**What is required**
From the entries below, retype only the lines from the one with "x_axis=(1.0, 0.0, 0.0)))" through the one with "#200=IFCMATERIAL('Oak timber veneer',$,'wood');", exactly as written.

**Available records**
=== Begin Enclosure ===
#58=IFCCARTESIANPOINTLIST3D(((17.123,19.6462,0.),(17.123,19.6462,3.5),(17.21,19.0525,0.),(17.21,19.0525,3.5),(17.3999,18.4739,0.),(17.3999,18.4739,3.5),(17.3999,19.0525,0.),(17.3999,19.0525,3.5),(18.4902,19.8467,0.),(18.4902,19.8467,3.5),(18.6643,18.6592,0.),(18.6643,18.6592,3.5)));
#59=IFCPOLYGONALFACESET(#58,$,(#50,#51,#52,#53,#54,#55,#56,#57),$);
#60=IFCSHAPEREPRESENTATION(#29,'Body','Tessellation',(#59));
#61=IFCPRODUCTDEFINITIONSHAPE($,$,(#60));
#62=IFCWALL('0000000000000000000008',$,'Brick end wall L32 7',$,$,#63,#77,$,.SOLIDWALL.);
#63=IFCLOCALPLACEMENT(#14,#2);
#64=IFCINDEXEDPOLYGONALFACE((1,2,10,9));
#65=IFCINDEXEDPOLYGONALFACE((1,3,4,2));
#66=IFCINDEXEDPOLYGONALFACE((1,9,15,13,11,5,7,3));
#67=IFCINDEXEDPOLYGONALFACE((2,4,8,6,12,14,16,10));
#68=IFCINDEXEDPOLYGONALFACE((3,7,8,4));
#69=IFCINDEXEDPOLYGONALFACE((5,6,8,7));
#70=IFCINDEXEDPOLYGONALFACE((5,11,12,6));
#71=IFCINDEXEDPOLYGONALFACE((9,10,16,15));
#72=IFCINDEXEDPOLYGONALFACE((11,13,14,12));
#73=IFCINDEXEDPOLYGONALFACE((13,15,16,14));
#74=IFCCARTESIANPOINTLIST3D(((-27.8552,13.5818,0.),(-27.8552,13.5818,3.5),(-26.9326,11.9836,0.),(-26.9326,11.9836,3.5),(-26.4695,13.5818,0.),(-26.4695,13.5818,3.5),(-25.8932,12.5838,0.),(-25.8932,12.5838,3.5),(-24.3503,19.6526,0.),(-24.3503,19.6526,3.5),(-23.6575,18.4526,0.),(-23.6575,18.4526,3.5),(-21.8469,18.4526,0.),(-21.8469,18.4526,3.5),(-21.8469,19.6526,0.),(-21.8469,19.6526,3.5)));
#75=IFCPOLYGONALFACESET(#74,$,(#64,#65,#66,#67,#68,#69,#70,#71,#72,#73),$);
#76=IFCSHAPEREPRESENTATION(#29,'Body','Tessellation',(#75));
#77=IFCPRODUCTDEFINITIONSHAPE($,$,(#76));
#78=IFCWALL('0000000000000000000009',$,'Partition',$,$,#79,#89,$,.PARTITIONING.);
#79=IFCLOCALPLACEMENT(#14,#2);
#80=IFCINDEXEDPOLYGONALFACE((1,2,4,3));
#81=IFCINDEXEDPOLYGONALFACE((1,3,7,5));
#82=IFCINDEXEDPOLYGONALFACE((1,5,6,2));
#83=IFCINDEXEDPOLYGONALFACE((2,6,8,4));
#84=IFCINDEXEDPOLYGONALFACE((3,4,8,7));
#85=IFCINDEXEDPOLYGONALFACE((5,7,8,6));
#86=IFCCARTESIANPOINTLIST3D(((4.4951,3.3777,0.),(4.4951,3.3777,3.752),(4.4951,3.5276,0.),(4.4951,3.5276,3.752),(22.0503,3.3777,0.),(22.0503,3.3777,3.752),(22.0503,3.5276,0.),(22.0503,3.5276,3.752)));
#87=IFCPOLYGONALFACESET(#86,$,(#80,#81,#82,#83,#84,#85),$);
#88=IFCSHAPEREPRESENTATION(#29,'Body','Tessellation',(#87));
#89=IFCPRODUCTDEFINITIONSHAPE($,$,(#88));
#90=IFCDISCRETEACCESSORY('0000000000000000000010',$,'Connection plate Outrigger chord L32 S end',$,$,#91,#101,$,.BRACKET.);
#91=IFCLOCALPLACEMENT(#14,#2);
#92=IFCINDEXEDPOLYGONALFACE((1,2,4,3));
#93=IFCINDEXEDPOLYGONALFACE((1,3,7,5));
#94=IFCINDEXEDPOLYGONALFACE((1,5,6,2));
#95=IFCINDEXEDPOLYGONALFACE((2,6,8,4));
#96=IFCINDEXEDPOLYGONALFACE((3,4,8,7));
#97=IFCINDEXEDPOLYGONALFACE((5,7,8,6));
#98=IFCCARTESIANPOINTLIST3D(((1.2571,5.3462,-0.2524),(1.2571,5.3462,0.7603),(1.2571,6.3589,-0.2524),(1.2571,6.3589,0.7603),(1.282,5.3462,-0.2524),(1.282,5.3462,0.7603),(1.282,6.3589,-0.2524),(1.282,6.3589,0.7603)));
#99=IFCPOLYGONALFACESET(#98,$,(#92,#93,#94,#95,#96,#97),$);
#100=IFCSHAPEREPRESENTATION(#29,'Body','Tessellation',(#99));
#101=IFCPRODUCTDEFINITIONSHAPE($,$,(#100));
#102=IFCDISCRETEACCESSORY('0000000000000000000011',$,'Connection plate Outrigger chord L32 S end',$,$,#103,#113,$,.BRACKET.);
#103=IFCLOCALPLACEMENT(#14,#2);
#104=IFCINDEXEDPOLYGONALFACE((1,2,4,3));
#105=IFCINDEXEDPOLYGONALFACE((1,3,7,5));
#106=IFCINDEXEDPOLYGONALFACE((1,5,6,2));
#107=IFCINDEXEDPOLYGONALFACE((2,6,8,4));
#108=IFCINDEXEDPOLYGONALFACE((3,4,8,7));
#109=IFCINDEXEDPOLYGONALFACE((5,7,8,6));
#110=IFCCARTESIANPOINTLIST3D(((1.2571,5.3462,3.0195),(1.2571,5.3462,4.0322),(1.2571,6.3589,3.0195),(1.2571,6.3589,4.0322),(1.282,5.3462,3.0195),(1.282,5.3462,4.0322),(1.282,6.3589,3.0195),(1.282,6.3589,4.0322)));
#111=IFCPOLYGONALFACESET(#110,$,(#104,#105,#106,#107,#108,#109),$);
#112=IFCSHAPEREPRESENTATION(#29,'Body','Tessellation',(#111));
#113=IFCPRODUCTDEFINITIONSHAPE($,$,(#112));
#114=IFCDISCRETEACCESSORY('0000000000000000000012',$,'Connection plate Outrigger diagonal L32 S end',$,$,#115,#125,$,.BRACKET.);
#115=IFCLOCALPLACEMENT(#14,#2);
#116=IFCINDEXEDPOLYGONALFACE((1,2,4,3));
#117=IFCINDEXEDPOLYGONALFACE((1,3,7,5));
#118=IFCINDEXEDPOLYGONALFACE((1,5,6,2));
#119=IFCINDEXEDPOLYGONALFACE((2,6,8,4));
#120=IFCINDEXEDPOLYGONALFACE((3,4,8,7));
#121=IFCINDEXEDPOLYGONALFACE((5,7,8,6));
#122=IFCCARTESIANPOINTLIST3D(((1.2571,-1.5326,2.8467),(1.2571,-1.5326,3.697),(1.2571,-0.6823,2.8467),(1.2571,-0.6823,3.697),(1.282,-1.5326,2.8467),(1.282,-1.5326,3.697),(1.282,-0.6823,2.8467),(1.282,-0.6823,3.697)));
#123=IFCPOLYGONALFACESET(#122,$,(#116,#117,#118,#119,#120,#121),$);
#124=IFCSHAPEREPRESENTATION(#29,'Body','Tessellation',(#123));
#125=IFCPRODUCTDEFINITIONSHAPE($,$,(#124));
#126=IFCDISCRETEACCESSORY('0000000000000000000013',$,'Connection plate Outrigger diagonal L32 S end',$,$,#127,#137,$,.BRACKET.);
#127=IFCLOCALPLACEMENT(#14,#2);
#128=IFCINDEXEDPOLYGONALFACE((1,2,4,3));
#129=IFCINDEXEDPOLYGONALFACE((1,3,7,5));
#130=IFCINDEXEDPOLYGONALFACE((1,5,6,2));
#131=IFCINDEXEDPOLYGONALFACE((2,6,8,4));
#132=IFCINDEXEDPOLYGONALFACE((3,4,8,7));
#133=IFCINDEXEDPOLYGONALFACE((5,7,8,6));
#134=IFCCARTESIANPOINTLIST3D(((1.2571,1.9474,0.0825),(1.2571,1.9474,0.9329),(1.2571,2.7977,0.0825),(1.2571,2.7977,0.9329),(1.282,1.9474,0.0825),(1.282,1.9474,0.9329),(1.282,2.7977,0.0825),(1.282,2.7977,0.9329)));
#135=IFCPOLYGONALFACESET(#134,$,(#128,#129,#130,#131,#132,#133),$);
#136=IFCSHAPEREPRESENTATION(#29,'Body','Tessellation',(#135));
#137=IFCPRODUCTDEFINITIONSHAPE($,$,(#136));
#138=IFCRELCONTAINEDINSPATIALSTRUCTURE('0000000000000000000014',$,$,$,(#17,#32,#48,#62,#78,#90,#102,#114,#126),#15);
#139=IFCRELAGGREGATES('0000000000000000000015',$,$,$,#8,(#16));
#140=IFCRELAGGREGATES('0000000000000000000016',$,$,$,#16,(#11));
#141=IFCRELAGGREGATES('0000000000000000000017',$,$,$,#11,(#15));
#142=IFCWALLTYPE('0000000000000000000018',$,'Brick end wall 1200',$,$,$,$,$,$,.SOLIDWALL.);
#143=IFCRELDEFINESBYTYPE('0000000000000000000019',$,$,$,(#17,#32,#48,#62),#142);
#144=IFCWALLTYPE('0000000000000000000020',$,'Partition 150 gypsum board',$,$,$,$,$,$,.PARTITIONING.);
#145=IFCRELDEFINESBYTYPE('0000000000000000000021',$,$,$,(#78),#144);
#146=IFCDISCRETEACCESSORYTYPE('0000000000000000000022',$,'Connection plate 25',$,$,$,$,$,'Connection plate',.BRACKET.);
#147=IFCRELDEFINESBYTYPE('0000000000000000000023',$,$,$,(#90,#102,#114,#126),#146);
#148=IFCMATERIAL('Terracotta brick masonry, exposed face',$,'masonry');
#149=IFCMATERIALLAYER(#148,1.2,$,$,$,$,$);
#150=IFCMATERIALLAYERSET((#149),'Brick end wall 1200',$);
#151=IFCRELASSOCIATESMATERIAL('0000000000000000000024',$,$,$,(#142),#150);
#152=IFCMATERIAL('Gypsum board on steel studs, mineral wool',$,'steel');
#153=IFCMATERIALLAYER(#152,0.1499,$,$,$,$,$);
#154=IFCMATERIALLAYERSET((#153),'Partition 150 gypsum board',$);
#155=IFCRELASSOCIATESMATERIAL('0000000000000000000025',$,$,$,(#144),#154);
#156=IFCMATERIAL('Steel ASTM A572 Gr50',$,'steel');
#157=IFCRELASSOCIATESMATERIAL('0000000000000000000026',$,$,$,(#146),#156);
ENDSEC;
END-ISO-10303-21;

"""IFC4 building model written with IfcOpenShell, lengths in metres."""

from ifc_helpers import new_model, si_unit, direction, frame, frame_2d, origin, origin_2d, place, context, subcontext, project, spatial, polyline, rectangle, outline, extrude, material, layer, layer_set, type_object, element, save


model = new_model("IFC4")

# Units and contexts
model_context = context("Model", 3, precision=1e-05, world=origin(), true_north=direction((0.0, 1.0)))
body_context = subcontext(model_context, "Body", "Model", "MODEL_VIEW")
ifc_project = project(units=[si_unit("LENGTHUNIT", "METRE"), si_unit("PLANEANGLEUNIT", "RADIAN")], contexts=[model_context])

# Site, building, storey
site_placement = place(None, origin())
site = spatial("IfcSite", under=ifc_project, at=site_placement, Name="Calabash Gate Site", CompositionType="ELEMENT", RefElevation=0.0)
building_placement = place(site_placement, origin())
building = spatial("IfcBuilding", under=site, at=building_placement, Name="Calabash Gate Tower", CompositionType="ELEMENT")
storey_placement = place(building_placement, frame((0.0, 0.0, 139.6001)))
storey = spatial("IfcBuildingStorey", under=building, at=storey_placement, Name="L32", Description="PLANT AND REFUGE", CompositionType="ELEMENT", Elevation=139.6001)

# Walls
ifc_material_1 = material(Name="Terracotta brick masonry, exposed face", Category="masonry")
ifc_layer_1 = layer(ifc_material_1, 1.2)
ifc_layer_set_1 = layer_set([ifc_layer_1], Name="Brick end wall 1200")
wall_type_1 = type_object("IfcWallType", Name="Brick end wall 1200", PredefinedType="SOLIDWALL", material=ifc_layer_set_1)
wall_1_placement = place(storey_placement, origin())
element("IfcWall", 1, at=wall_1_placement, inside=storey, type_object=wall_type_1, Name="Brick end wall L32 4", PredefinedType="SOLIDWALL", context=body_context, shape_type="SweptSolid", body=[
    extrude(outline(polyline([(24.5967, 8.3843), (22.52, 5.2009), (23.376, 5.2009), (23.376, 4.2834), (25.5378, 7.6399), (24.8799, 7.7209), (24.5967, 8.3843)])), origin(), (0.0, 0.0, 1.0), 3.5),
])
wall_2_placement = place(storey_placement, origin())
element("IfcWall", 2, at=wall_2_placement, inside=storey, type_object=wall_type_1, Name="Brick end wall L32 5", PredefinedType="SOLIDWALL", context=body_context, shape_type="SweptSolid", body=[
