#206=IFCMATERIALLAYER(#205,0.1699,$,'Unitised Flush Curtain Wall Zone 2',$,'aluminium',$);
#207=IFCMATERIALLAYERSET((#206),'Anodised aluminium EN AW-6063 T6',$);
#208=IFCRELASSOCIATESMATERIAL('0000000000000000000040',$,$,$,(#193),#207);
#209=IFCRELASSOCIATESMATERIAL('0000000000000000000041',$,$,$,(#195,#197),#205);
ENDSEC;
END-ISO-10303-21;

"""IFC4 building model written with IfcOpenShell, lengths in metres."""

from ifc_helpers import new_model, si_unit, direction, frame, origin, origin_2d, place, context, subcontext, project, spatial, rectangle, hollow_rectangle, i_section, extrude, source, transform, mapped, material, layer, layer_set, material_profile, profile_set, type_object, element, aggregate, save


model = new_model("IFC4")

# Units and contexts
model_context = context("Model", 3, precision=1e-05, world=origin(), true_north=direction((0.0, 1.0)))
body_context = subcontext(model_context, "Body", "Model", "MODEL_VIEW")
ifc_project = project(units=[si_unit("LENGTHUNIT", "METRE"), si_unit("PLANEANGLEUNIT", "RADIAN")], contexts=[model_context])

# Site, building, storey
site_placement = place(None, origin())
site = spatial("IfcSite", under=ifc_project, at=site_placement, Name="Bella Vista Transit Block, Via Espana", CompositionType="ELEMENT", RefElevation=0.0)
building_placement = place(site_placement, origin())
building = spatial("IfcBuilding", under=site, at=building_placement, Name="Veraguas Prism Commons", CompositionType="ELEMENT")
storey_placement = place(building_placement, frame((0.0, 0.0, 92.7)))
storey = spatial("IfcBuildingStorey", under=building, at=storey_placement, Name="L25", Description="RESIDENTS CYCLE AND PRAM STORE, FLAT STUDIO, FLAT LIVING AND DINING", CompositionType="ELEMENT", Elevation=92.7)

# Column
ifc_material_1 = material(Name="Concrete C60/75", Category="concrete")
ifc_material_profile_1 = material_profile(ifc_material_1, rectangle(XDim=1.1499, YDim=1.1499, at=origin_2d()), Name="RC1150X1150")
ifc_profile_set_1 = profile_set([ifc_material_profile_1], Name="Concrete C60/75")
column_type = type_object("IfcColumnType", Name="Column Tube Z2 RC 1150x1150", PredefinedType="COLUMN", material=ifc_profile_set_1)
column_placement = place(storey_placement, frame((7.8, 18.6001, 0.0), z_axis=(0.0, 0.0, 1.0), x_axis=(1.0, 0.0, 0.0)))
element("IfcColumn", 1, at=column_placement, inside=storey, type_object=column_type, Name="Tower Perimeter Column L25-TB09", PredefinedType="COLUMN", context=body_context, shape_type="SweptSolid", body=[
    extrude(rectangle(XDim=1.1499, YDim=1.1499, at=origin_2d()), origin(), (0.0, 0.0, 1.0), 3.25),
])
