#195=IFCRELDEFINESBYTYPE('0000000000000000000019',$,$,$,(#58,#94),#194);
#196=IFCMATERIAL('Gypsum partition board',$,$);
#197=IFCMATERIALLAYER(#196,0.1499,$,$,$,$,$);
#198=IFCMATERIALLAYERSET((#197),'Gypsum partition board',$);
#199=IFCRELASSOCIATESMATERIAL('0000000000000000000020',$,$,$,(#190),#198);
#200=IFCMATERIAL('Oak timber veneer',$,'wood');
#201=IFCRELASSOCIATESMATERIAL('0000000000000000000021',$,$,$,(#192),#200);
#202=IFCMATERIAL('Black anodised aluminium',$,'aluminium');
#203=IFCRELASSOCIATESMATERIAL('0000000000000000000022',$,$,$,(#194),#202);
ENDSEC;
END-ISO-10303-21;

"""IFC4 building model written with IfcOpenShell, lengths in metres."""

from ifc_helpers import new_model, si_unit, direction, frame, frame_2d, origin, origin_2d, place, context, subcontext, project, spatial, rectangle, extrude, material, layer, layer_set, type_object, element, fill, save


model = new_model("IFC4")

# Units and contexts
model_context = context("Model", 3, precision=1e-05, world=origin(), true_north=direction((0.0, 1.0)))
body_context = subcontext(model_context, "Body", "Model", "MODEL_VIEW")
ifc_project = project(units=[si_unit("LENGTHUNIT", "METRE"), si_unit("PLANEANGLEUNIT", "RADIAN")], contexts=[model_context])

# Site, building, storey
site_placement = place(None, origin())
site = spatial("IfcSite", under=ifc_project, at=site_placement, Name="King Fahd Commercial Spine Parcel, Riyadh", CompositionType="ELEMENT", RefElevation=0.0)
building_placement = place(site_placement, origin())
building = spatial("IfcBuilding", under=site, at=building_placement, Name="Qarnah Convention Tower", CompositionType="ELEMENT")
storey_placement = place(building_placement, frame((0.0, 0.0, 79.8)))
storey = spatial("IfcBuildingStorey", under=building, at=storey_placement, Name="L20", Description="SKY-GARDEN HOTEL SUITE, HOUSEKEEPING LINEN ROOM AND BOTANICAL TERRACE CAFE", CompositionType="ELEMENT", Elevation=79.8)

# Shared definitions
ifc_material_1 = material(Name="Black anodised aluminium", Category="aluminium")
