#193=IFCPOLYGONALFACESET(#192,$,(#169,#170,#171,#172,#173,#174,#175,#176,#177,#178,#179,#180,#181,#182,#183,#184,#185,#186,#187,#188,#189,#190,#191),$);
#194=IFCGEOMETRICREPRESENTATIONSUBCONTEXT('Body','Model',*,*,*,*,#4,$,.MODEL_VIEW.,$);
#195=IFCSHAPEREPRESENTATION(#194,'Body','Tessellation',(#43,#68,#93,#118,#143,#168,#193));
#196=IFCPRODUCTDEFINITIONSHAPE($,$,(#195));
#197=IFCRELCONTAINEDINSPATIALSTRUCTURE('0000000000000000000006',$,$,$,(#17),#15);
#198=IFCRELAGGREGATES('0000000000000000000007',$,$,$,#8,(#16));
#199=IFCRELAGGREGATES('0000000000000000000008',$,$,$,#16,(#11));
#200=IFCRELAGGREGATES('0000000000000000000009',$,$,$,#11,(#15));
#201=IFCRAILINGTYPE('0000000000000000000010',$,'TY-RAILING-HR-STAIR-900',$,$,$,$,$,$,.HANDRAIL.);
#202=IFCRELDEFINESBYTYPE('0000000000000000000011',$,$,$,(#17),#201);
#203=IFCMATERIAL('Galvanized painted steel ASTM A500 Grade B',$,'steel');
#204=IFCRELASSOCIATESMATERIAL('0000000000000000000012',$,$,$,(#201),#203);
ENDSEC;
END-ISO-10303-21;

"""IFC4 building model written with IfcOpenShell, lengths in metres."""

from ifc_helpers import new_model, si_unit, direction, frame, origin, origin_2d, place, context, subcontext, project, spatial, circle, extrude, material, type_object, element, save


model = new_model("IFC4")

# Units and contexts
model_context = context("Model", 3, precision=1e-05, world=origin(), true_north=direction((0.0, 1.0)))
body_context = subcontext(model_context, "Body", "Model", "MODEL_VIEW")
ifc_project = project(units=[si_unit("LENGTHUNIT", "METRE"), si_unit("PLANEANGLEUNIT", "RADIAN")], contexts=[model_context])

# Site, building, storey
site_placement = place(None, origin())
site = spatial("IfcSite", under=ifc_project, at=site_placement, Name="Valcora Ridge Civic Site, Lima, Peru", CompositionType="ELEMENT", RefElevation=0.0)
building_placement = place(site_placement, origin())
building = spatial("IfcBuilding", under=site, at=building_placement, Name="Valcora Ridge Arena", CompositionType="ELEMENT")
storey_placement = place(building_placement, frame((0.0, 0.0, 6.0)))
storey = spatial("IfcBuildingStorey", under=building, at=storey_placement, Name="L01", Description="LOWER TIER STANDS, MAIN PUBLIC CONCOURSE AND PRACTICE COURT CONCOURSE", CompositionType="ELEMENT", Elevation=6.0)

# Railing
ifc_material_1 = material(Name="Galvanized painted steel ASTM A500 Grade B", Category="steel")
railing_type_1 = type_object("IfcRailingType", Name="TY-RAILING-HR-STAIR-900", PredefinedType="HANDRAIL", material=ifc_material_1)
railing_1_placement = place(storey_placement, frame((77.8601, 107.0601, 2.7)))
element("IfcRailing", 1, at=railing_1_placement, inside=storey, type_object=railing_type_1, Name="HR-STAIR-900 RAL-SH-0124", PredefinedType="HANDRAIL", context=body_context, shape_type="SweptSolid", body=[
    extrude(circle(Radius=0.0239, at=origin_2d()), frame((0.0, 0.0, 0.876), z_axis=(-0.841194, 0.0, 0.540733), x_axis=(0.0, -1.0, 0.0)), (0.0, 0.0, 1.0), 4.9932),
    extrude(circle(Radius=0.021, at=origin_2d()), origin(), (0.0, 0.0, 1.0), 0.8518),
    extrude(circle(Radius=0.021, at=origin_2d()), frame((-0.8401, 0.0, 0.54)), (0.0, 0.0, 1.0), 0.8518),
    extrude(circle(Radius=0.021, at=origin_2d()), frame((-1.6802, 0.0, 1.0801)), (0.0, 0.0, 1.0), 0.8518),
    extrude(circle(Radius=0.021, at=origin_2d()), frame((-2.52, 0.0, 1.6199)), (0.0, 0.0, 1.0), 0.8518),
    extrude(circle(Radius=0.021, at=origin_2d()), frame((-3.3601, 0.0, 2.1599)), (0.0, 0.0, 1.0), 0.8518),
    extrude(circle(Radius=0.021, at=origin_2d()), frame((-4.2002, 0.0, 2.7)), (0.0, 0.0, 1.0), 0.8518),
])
=== End Enclosure ===
**Reply**
column_placement = place(storey_placement, frame((7.8, 18.6001, 0.0), z_axis=(0.0, 0.0, 1.0), x_axis=(1.0, 0.0, 0.0)))
element("IfcColumn", 1, at=column_placement, inside=storey, type_object=column_type, Name="Tower Perimeter Column L25-TB09", PredefinedType="COLUMN", context=body_context, shape_type="SweptSolid", body=[
    extrude(rectangle(XDim=1.1499, YDim=1.1499, at=origin_2d()), origin(), (0.0, 0.0, 1.0), 3.25),
])
#195=IFCRELDEFINESBYTYPE('0000000000000000000019',$,$,$,(#58,#94),#194);
#196=IFCMATERIAL('Gypsum partition board',$,$);
#197=IFCMATERIALLAYER(#196,0.1499,$,$,$,$,$);
#198=IFCMATERIALLAYERSET((#197),'Gypsum partition board',$);
#199=IFCRELASSOCIATESMATERIAL('0000000000000000000020',$,$,$,(#190),#198);
#200=IFCMATERIAL('Oak timber veneer',$,'wood');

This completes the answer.